■ **DATA FOR THIS EXERCISE**
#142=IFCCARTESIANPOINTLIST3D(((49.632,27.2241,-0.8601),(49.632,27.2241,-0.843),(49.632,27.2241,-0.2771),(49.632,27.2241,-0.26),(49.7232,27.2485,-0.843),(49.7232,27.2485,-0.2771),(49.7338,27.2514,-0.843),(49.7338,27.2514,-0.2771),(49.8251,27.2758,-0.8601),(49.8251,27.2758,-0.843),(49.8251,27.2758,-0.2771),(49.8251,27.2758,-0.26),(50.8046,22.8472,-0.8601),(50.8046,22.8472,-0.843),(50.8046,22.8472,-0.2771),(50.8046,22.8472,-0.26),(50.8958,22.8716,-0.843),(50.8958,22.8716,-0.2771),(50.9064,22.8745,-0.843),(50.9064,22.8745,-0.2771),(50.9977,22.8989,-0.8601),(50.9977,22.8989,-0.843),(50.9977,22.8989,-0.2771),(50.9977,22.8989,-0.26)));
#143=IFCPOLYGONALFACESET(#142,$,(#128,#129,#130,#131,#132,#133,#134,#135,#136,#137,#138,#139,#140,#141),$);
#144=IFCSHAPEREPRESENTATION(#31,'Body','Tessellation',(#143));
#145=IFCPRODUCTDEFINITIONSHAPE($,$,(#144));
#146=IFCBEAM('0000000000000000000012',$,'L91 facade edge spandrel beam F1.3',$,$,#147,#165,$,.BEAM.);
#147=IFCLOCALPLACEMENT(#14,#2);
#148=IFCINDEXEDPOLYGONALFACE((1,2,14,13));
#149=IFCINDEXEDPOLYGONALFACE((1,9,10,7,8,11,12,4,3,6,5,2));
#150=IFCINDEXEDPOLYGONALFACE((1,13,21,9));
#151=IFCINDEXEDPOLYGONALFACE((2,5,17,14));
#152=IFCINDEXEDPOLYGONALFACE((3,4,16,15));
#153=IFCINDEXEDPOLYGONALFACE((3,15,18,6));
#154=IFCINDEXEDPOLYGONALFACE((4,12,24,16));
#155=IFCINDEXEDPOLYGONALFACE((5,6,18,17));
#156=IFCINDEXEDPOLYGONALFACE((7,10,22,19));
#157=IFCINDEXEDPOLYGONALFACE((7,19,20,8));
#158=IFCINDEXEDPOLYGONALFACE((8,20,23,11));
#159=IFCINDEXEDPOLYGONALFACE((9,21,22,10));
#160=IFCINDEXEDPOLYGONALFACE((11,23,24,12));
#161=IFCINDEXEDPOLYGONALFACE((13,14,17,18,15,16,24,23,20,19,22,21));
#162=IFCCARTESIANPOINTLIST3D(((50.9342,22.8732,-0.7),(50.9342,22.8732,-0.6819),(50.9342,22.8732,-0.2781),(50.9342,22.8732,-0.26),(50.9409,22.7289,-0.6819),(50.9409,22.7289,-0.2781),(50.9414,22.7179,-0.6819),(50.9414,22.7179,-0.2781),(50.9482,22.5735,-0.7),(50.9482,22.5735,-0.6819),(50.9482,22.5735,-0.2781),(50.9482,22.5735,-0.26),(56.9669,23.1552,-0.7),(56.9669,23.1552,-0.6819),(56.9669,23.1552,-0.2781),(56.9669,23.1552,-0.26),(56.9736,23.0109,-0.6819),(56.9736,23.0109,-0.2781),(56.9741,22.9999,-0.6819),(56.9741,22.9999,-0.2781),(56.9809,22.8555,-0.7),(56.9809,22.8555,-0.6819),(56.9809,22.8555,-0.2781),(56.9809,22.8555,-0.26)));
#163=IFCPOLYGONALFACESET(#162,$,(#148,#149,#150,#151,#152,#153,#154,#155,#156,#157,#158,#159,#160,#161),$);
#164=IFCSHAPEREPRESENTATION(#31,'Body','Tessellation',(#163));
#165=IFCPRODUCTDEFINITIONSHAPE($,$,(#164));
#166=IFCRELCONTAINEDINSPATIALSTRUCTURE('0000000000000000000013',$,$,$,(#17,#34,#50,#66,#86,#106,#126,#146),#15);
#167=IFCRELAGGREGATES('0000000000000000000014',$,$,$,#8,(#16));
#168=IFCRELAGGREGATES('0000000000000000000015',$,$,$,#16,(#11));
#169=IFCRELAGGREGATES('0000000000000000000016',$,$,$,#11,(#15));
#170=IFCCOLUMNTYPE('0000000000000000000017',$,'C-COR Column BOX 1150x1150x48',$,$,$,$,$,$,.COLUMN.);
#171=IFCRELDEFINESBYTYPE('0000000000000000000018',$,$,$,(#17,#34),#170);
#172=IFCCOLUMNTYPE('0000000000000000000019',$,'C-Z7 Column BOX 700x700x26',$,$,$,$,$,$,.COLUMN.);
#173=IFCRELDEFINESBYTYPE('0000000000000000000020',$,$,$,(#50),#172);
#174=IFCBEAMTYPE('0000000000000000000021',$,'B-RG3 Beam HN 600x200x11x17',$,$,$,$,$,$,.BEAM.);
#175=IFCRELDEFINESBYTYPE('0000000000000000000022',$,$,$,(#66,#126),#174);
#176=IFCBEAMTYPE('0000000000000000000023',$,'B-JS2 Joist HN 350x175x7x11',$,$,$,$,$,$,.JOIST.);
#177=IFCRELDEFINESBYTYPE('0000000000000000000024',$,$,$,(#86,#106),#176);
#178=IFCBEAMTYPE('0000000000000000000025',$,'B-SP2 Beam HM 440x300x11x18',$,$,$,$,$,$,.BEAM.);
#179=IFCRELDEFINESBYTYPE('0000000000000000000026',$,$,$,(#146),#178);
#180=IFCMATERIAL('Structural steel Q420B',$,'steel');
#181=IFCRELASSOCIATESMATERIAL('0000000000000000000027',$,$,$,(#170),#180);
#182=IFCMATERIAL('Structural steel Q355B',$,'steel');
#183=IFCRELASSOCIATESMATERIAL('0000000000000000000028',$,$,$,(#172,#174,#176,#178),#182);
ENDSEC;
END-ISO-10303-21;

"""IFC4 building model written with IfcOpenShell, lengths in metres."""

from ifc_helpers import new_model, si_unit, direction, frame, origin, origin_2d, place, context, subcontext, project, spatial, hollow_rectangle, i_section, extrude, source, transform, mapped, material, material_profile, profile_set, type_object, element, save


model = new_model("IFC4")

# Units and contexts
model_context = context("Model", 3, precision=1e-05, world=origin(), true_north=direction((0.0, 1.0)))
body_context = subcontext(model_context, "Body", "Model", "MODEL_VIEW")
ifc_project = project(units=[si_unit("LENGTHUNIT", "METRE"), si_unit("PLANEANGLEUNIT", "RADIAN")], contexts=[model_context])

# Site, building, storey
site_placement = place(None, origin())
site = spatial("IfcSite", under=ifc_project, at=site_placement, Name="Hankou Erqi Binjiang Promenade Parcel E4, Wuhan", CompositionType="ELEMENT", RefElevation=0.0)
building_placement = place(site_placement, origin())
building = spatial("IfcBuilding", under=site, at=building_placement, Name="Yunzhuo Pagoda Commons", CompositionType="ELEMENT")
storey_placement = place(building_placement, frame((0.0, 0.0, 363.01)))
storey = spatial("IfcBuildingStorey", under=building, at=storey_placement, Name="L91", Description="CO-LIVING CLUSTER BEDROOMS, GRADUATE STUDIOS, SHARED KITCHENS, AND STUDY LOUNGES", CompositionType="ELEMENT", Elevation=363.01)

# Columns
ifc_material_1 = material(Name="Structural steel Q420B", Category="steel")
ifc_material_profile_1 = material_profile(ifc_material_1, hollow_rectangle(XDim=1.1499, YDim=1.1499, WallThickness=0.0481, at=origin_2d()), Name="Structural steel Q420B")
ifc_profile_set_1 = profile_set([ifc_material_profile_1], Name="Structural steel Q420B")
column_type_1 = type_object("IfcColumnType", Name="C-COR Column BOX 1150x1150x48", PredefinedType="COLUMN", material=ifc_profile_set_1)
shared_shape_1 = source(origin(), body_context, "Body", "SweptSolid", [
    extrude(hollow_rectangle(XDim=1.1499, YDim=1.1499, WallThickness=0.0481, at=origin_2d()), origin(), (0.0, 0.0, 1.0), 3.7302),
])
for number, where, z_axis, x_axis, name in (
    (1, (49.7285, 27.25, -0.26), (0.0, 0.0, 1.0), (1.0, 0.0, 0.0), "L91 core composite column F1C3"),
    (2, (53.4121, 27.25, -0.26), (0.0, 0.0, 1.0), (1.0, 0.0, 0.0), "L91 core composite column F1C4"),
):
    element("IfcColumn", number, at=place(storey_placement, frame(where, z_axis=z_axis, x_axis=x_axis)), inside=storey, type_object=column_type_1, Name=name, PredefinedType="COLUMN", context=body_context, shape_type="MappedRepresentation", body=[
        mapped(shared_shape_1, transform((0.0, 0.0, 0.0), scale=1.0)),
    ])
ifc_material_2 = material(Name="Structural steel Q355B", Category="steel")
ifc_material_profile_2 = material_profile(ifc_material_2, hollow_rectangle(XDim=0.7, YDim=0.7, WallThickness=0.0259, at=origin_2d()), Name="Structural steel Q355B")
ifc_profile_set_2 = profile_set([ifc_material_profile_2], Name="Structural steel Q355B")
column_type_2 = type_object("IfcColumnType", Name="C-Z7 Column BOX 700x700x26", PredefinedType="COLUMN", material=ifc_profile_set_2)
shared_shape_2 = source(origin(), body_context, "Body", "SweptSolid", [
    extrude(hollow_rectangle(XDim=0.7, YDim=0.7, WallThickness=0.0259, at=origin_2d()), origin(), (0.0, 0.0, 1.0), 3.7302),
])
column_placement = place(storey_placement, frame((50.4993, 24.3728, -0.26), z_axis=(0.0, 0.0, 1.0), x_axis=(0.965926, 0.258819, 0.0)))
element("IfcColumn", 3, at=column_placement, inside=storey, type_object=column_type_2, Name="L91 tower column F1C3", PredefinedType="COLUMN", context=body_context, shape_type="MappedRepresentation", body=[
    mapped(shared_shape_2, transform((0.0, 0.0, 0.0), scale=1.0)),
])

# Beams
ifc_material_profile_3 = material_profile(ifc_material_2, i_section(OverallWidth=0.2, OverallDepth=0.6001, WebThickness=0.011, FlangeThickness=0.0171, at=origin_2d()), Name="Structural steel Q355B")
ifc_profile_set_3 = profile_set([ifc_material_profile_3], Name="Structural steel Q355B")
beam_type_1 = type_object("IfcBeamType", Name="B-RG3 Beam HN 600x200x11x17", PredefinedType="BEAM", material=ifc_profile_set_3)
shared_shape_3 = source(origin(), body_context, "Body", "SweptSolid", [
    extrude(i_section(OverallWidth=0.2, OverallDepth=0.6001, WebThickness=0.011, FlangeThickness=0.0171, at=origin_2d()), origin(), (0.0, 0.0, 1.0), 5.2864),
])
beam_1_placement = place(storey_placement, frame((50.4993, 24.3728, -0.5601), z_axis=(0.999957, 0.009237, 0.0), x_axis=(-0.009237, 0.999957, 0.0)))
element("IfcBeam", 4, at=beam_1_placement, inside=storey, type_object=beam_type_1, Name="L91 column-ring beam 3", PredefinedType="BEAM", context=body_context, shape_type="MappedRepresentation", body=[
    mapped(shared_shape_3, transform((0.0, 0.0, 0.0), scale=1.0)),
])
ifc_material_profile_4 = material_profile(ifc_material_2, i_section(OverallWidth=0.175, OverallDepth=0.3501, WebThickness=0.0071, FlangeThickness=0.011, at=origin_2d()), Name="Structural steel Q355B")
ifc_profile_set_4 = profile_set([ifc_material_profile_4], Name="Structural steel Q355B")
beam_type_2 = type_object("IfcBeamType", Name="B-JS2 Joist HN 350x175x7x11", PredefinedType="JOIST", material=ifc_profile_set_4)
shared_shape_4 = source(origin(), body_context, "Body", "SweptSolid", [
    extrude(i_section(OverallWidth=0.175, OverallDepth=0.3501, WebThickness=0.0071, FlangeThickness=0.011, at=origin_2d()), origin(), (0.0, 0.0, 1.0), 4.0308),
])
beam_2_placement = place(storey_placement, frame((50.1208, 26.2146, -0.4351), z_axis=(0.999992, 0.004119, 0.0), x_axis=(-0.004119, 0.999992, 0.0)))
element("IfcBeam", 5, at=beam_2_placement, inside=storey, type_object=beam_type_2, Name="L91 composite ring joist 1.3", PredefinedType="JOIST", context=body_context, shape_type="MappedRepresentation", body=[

■ **DESCRIPTION OF THE TASK**
Restate, word for word and with nothing added, the lines from the beginning of the records above through the line that contains "#148=IFCINDEXEDPOLYGONALFACE((1,2,14,13));".

■ **TASK RESULT**
#142=IFCCARTESIANPOINTLIST3D(((49.632,27.2241,-0.8601),(49.632,27.2241,-0.843),(49.632,27.2241,-0.2771),(49.632,27.2241,-0.26),(49.7232,27.2485,-0.843),(49.7232,27.2485,-0.2771),(49.7338,27.2514,-0.843),(49.7338,27.2514,-0.2771),(49.8251,27.2758,-0.8601),(49.8251,27.2758,-0.843),(49.8251,27.2758,-0.2771),(49.8251,27.2758,-0.26),(50.8046,22.8472,-0.8601),(50.8046,22.8472,-0.843),(50.8046,22.8472,-0.2771),(50.8046,22.8472,-0.26),(50.8958,22.8716,-0.843),(50.8958,22.8716,-0.2771),(50.9064,22.8745,-0.843),(50.9064,22.8745,-0.2771),(50.9977,22.8989,-0.8601),(50.9977,22.8989,-0.843),(50.9977,22.8989,-0.2771),(50.9977,22.8989,-0.26)));
#143=IFCPOLYGONALFACESET(#142,$,(#128,#129,#130,#131,#132,#133,#134,#135,#136,#137,#138,#139,#140,#141),$);
#144=IFCSHAPEREPRESENTATION(#31,'Body','Tessellation',(#143));
#145=IFCPRODUCTDEFINITIONSHAPE($,$,(#144));
#146=IFCBEAM('0000000000000000000012',$,'L91 facade edge spandrel beam F1.3',$,$,#147,#165,$,.BEAM.);
#147=IFCLOCALPLACEMENT(#14,#2);
#148=IFCINDEXEDPOLYGONALFACE((1,2,14,13));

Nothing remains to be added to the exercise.